The task —
Look through the material below. Copy each line that contains the string "OverallWidth".

Entries supplied —
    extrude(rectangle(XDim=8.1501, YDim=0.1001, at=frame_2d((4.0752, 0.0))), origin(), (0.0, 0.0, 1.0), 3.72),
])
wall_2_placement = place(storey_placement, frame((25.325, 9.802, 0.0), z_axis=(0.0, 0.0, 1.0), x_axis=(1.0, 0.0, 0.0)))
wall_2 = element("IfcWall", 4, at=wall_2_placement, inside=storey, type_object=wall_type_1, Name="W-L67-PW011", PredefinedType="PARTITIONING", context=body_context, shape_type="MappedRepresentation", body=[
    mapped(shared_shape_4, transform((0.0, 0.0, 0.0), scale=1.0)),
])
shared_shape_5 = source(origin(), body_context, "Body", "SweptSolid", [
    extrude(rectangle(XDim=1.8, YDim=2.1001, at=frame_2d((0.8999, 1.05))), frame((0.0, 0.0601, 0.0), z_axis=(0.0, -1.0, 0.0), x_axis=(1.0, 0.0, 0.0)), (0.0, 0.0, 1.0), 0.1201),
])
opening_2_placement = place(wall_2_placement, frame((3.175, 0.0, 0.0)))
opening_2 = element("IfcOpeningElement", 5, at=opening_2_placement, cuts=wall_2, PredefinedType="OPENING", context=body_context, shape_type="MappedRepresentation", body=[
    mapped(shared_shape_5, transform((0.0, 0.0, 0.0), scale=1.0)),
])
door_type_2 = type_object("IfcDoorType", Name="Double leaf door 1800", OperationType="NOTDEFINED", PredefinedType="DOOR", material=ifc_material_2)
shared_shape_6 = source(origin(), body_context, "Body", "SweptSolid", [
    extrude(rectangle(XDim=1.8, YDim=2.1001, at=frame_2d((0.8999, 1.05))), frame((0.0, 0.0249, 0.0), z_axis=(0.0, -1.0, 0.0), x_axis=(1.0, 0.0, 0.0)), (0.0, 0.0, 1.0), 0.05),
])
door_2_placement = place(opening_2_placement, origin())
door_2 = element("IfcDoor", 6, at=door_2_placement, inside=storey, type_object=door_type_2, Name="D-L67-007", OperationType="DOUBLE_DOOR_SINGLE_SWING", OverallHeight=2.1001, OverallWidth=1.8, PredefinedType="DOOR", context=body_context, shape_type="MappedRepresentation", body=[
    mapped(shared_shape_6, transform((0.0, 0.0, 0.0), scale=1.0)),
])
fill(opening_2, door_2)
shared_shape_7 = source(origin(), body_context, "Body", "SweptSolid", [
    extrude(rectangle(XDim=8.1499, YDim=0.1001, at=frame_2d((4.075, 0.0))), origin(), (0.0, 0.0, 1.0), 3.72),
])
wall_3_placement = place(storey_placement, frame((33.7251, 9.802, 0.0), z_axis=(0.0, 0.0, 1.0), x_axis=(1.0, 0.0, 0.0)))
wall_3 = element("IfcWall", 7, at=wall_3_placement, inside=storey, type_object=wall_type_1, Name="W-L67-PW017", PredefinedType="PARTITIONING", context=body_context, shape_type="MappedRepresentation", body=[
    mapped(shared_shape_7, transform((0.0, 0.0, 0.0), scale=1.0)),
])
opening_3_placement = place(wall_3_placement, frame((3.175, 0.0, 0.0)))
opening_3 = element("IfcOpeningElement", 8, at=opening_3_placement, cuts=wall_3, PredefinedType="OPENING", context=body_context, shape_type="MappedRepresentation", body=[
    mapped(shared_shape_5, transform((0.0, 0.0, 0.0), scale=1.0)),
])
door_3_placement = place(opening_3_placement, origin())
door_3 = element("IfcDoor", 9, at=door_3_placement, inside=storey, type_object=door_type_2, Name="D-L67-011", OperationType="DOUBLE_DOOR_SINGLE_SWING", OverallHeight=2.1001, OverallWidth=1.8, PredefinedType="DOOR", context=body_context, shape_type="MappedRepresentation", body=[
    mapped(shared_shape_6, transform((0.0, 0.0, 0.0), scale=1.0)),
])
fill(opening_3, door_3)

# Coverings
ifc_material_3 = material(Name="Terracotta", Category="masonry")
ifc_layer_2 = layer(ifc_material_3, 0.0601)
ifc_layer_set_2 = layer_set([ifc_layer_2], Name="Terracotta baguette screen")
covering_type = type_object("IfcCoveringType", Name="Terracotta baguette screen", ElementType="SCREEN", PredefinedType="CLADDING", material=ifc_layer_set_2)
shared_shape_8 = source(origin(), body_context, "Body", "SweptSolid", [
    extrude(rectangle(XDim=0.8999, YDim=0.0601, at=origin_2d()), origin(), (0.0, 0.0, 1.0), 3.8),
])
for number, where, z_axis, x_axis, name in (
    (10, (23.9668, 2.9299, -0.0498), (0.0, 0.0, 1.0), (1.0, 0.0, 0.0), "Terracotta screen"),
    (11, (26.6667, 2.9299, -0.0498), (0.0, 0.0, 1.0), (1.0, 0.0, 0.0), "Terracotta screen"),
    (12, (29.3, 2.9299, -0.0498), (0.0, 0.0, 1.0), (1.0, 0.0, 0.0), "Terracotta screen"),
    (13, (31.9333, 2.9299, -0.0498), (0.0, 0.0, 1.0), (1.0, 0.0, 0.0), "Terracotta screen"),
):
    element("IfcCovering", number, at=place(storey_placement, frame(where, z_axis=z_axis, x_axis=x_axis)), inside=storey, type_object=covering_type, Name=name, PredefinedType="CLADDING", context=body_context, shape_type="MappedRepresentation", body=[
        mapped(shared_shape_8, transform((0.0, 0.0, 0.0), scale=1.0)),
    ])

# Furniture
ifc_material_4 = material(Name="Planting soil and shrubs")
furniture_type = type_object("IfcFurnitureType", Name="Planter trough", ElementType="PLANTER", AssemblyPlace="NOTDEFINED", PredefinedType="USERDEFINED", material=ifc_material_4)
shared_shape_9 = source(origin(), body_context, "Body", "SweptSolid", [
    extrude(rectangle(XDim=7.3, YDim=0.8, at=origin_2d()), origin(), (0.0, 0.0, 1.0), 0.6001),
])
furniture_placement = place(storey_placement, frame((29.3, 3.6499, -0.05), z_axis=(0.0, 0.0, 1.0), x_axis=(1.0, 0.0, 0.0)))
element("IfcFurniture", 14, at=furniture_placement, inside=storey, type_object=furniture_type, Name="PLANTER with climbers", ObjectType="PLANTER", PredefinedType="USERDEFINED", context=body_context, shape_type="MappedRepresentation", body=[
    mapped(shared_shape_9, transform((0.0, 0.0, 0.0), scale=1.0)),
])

Response to the exercise —
door_2 = element("IfcDoor", 6, at=door_2_placement, inside=storey, type_object=door_type_2, Name="D-L67-007", OperationType="DOUBLE_DOOR_SINGLE_SWING", OverallHeight=2.1001, OverallWidth=1.8, PredefinedType="DOOR", context=body_context, shape_type="MappedRepresentation", body=[
door_3 = element("IfcDoor", 9, at=door_3_placement, inside=storey, type_object=door_type_2, Name="D-L67-011", OperationType="DOUBLE_DOOR_SINGLE_SWING", OverallHeight=2.1001, OverallWidth=1.8, PredefinedType="DOOR", context=body_context, shape_type="MappedRepresentation", body=[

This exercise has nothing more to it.